Exercise:
Look through the data below for the line with "#164=IFCMATERIAL('Gypsum board partition, double", and transcribe it exactly together with each line after it up to and including the line with "#174=IFCMATERIAL('Blockwork shaft wall',$,'masonry');". Give nothing else.

++++++

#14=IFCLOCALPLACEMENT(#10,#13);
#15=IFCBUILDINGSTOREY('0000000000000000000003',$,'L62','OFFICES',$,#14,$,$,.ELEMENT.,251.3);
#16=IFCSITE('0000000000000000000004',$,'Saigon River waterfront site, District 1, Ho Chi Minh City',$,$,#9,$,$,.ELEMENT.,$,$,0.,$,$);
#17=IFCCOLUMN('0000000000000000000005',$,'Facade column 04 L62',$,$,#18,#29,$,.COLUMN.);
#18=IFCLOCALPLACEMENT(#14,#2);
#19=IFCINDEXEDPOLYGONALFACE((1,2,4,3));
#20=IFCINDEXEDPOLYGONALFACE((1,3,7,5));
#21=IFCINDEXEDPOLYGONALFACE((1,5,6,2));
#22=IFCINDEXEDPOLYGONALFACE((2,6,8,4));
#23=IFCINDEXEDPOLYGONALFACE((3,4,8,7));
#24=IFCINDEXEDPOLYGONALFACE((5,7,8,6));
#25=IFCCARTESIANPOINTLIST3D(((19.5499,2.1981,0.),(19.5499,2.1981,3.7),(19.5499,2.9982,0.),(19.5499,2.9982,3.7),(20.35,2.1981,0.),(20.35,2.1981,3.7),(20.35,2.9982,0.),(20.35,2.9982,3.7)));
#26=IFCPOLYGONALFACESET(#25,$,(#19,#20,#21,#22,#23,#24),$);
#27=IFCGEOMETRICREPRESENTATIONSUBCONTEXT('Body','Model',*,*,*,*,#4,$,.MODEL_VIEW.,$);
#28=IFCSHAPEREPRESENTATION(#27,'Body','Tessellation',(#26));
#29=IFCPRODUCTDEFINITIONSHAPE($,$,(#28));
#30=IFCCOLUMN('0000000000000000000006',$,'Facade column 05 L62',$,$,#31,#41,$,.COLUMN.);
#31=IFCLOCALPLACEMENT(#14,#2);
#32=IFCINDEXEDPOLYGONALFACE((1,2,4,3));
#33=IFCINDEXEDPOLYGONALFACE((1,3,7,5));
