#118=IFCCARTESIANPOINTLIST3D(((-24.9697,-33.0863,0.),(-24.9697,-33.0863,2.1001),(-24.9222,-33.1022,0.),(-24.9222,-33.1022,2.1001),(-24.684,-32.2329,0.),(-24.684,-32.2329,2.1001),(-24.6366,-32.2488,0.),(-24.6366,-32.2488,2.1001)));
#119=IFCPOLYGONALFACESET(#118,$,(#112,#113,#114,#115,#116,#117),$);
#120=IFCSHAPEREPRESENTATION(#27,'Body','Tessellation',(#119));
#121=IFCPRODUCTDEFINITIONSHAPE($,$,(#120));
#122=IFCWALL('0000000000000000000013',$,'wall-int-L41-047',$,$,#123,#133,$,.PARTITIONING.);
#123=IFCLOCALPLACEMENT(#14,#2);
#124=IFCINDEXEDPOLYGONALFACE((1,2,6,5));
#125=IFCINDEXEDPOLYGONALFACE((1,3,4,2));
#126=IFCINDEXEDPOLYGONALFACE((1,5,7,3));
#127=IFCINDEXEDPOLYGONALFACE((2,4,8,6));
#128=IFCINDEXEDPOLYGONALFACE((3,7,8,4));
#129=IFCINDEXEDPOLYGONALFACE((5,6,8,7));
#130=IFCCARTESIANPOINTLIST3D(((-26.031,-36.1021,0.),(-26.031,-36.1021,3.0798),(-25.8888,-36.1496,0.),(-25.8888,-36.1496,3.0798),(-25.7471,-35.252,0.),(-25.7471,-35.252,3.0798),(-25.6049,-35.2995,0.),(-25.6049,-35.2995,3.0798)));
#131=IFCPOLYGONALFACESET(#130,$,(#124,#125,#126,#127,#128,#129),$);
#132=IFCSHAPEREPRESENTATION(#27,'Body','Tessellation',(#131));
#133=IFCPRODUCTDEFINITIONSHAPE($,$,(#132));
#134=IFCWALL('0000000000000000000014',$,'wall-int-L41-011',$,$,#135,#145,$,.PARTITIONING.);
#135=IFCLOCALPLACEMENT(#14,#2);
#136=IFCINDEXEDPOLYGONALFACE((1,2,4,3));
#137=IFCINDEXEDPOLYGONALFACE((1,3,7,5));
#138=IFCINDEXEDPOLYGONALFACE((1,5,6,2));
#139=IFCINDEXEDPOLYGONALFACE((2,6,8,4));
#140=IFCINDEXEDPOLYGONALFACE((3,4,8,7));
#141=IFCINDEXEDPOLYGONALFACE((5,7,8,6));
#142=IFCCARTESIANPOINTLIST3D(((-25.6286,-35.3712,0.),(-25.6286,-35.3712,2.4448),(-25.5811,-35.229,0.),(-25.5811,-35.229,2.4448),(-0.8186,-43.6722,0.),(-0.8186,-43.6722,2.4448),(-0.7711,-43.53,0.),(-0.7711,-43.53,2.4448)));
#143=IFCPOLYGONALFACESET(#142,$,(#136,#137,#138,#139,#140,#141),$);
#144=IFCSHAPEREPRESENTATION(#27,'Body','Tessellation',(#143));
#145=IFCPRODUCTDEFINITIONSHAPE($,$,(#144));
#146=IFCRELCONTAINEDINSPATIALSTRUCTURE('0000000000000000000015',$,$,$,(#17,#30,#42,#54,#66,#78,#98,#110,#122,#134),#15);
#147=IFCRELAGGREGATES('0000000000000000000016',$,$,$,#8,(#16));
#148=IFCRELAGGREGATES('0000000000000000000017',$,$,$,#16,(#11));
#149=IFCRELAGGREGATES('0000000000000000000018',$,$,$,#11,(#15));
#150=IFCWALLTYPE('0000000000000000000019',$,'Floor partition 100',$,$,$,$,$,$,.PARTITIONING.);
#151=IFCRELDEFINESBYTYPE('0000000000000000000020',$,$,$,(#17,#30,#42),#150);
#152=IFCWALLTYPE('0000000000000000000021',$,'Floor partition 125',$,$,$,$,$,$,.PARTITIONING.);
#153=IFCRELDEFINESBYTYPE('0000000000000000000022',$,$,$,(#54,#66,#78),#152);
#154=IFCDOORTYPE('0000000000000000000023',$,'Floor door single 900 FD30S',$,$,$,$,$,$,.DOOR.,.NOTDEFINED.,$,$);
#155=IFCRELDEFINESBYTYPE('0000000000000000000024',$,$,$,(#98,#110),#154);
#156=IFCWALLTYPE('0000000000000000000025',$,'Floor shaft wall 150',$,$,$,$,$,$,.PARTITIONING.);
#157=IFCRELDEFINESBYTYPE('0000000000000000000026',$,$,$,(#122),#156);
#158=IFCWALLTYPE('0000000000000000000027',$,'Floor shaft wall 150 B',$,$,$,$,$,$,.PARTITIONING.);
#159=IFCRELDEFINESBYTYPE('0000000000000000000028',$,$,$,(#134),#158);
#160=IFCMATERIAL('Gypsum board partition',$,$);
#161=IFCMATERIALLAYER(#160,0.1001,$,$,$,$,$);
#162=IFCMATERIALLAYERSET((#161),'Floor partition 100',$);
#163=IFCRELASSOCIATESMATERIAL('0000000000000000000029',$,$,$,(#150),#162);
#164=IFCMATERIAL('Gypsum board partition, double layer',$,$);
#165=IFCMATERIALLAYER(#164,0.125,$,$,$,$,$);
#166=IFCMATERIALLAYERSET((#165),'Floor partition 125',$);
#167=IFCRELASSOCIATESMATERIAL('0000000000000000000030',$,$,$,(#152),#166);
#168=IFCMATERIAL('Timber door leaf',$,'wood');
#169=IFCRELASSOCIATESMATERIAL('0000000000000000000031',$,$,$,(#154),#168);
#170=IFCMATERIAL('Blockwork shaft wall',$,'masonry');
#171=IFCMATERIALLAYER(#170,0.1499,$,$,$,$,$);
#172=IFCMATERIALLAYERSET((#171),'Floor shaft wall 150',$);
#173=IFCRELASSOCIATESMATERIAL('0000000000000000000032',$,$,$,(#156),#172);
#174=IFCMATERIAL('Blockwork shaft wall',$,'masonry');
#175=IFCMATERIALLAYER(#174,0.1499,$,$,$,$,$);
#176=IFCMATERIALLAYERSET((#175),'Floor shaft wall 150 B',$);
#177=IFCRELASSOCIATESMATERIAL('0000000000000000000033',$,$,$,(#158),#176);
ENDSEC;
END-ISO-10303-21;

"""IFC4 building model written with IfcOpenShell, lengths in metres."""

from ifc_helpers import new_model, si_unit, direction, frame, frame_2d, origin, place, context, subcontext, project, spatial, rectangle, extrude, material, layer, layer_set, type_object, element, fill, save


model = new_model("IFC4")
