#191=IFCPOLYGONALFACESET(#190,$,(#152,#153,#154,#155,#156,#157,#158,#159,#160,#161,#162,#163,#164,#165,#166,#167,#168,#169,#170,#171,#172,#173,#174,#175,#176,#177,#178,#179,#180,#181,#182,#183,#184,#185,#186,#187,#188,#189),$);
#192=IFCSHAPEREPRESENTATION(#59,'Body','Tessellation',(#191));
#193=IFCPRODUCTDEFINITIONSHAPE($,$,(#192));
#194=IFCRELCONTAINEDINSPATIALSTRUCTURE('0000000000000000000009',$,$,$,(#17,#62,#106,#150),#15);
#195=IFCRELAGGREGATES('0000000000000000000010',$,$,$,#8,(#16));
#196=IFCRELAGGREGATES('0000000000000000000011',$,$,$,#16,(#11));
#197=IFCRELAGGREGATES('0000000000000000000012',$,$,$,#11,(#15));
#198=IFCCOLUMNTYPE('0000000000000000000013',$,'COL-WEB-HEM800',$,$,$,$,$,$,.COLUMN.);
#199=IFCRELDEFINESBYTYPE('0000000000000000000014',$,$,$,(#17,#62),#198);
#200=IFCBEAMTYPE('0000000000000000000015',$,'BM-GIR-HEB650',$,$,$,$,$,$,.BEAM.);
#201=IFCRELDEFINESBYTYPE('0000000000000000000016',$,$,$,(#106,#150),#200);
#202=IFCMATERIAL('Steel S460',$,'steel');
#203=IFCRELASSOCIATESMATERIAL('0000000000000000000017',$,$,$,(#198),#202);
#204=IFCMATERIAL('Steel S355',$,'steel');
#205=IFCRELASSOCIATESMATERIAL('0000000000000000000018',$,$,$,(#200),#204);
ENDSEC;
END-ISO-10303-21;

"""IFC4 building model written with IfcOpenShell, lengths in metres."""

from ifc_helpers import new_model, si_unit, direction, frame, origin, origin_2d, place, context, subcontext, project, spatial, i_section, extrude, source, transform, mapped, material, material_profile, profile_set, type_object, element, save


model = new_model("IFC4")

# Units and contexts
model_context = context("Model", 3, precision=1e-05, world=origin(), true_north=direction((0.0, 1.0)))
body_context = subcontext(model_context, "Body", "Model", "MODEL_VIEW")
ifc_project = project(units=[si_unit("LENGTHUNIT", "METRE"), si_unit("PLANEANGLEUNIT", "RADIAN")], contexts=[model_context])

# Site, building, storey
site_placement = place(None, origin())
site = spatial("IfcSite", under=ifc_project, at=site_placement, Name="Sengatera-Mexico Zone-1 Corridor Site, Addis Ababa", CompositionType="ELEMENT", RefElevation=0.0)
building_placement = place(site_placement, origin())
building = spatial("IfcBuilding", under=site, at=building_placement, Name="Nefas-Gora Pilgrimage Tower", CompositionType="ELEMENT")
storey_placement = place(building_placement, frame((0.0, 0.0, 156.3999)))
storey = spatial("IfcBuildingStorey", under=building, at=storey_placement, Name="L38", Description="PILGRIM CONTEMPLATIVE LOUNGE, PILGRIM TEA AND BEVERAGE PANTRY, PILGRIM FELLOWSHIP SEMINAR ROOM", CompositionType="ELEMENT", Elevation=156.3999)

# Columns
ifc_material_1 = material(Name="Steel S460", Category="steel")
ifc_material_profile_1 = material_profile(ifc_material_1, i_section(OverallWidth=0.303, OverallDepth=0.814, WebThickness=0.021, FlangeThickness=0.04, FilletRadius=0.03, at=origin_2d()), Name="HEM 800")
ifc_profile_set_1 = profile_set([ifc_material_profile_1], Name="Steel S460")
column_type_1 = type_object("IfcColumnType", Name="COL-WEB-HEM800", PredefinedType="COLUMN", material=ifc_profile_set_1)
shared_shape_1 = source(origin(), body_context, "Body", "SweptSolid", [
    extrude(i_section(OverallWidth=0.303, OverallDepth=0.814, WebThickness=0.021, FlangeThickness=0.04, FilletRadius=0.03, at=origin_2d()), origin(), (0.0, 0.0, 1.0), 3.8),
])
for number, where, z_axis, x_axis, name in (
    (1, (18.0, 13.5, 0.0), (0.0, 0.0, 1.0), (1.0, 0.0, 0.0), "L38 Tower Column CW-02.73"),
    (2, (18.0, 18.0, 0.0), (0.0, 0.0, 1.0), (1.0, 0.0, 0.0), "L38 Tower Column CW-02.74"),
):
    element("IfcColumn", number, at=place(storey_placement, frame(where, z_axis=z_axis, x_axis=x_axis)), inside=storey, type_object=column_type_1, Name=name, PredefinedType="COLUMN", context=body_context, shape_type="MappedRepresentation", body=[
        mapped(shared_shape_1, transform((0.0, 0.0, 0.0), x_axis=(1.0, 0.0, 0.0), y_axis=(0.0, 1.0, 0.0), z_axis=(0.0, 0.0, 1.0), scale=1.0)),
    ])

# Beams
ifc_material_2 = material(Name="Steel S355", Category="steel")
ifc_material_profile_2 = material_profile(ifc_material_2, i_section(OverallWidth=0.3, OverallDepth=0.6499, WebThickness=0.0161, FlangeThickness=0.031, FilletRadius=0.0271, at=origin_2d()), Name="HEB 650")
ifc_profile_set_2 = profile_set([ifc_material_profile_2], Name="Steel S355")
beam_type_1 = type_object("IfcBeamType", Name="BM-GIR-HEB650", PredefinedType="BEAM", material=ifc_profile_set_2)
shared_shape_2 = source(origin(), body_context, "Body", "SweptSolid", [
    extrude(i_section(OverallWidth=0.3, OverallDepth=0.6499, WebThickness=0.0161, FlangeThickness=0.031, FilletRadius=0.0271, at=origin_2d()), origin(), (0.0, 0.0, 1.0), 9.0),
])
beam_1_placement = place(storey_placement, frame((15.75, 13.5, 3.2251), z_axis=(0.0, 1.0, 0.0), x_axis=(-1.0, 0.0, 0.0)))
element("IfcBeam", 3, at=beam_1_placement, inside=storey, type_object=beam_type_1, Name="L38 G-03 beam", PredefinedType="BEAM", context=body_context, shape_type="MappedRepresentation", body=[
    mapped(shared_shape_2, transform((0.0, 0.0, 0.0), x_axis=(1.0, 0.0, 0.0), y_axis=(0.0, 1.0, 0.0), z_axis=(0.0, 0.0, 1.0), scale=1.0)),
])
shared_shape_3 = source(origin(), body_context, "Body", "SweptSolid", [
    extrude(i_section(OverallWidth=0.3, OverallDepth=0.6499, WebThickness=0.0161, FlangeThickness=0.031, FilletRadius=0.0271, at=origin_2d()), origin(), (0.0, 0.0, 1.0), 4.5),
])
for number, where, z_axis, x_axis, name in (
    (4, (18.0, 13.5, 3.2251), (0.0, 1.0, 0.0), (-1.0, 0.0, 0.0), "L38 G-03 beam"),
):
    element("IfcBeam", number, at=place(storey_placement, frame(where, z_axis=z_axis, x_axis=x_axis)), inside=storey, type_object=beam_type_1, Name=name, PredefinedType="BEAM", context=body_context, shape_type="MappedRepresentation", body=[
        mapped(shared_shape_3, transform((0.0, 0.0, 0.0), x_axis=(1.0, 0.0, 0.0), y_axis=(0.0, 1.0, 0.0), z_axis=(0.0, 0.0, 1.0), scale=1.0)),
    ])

++++++

Written answer:
#164=IFCMATERIAL('Gypsum board partition, double layer',$,$);
#165=IFCMATERIALLAYER(#164,0.125,$,$,$,$,$);
#166=IFCMATERIALLAYERSET((#165),'Floor partition 125',$);
#167=IFCRELASSOCIATESMATERIAL('0000000000000000000030',$,$,$,(#152),#166);
#168=IFCMATERIAL('Timber door leaf',$,'wood');
#169=IFCRELASSOCIATESMATERIAL('0000000000000000000031',$,$,$,(#154),#168);
#170=IFCMATERIAL('Blockwork shaft wall',$,'masonry');
#171=IFCMATERIALLAYER(#170,0.1499,$,$,$,$,$);
#172=IFCMATERIALLAYERSET((#171),'Floor shaft wall 150',$);
#173=IFCRELASSOCIATESMATERIAL('0000000000000000000032',$,$,$,(#156),#172);
#174=IFCMATERIAL('Blockwork shaft wall',$,'masonry');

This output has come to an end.